Data extracted from a collection
::::
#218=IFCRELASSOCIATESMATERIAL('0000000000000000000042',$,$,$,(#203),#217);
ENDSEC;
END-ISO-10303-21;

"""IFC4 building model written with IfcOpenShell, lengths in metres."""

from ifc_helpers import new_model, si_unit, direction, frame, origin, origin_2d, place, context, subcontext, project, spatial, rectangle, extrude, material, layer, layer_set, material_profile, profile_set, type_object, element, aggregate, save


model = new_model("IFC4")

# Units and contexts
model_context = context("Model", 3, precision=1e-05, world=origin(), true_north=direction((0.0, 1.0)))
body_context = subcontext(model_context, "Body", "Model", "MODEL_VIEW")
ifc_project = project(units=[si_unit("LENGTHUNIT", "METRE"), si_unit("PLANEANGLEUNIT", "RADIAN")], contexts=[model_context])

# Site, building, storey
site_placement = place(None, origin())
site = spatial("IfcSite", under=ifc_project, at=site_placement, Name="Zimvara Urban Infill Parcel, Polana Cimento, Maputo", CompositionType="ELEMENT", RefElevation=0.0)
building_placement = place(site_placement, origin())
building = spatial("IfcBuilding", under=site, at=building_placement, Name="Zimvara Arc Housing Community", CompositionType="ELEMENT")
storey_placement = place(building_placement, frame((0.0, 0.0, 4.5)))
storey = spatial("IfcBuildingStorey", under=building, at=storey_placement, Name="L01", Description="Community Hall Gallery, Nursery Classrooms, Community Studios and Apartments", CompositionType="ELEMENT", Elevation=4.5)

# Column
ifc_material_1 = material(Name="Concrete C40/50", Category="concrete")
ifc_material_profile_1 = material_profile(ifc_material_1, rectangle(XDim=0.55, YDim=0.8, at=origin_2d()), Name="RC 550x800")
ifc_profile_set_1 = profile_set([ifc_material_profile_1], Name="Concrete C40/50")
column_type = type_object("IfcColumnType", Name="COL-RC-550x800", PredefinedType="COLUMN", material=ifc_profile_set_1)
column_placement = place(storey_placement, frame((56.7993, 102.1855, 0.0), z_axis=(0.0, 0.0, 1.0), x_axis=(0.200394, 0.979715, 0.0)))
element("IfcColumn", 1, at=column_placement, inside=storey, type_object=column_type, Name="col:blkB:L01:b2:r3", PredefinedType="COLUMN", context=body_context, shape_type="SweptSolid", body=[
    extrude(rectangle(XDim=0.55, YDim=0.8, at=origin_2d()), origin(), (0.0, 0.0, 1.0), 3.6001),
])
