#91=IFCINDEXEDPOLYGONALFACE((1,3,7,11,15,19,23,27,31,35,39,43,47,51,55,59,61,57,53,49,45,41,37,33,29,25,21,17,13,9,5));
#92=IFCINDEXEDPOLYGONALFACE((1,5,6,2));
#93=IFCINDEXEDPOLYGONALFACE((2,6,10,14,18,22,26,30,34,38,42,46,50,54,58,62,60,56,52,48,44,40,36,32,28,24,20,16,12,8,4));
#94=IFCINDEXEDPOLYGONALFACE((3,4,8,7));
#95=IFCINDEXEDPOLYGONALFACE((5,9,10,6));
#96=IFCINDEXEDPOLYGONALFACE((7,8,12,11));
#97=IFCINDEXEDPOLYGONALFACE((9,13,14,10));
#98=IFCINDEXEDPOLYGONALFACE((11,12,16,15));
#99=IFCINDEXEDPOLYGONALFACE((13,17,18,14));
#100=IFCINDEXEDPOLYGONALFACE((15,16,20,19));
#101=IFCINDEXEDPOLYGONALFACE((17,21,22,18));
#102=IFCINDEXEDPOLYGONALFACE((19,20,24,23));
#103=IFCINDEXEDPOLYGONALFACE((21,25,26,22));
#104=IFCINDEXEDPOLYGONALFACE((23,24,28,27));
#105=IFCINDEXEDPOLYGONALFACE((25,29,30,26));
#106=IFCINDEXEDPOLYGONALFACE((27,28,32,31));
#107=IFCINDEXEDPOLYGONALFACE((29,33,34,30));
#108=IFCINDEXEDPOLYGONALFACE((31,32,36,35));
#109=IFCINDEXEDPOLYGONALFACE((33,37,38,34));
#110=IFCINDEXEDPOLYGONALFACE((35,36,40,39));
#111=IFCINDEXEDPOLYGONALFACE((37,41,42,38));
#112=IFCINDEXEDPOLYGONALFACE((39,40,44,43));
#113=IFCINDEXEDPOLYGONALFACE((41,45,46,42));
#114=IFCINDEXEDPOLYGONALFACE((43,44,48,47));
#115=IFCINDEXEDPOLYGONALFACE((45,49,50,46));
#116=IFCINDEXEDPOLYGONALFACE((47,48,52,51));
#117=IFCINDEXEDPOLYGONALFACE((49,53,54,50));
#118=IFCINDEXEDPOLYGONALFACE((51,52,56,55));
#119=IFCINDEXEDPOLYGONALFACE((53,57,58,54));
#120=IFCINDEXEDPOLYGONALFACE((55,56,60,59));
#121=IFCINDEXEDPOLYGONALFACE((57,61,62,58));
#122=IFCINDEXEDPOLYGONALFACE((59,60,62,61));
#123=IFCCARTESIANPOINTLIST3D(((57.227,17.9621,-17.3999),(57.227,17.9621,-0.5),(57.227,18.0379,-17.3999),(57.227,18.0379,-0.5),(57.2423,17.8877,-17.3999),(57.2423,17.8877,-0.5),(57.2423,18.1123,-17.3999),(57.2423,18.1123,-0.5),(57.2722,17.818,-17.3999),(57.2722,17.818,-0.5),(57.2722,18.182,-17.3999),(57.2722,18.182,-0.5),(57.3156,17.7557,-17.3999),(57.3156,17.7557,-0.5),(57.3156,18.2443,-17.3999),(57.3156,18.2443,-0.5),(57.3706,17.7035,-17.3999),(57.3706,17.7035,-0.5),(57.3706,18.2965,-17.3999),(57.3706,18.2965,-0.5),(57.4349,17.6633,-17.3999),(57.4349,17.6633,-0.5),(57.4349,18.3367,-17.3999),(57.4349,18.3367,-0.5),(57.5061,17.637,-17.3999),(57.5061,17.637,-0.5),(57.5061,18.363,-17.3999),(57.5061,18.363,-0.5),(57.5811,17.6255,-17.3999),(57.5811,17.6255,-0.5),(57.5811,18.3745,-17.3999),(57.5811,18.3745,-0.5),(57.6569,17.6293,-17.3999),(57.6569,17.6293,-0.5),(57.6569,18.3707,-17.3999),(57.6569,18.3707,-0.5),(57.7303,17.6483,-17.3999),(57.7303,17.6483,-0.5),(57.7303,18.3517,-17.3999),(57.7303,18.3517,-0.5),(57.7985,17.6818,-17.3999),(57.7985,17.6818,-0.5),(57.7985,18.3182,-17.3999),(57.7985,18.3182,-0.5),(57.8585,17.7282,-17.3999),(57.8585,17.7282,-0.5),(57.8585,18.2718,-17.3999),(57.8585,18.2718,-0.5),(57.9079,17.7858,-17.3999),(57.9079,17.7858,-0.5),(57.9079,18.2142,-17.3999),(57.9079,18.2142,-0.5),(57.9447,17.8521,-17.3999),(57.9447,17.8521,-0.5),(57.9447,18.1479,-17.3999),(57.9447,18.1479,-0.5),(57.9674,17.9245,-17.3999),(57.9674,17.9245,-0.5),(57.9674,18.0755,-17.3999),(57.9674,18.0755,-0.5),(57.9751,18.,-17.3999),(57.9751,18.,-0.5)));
::::
Lines from the top of the entries above to the line that contains "site_placement = place(None, origin())" should be set down exactly, please, with both ends kept and nothing added.

#218=IFCRELASSOCIATESMATERIAL('0000000000000000000042',$,$,$,(#203),#217);
ENDSEC;
END-ISO-10303-21;

"""IFC4 building model written with IfcOpenShell, lengths in metres."""

from ifc_helpers import new_model, si_unit, direction, frame, origin, origin_2d, place, context, subcontext, project, spatial, rectangle, extrude, material, layer, layer_set, material_profile, profile_set, type_object, element, aggregate, save


model = new_model("IFC4")

# Units and contexts
model_context = context("Model", 3, precision=1e-05, world=origin(), true_north=direction((0.0, 1.0)))
body_context = subcontext(model_context, "Body", "Model", "MODEL_VIEW")
ifc_project = project(units=[si_unit("LENGTHUNIT", "METRE"), si_unit("PLANEANGLEUNIT", "RADIAN")], contexts=[model_context])

# Site, building, storey
site_placement = place(None, origin())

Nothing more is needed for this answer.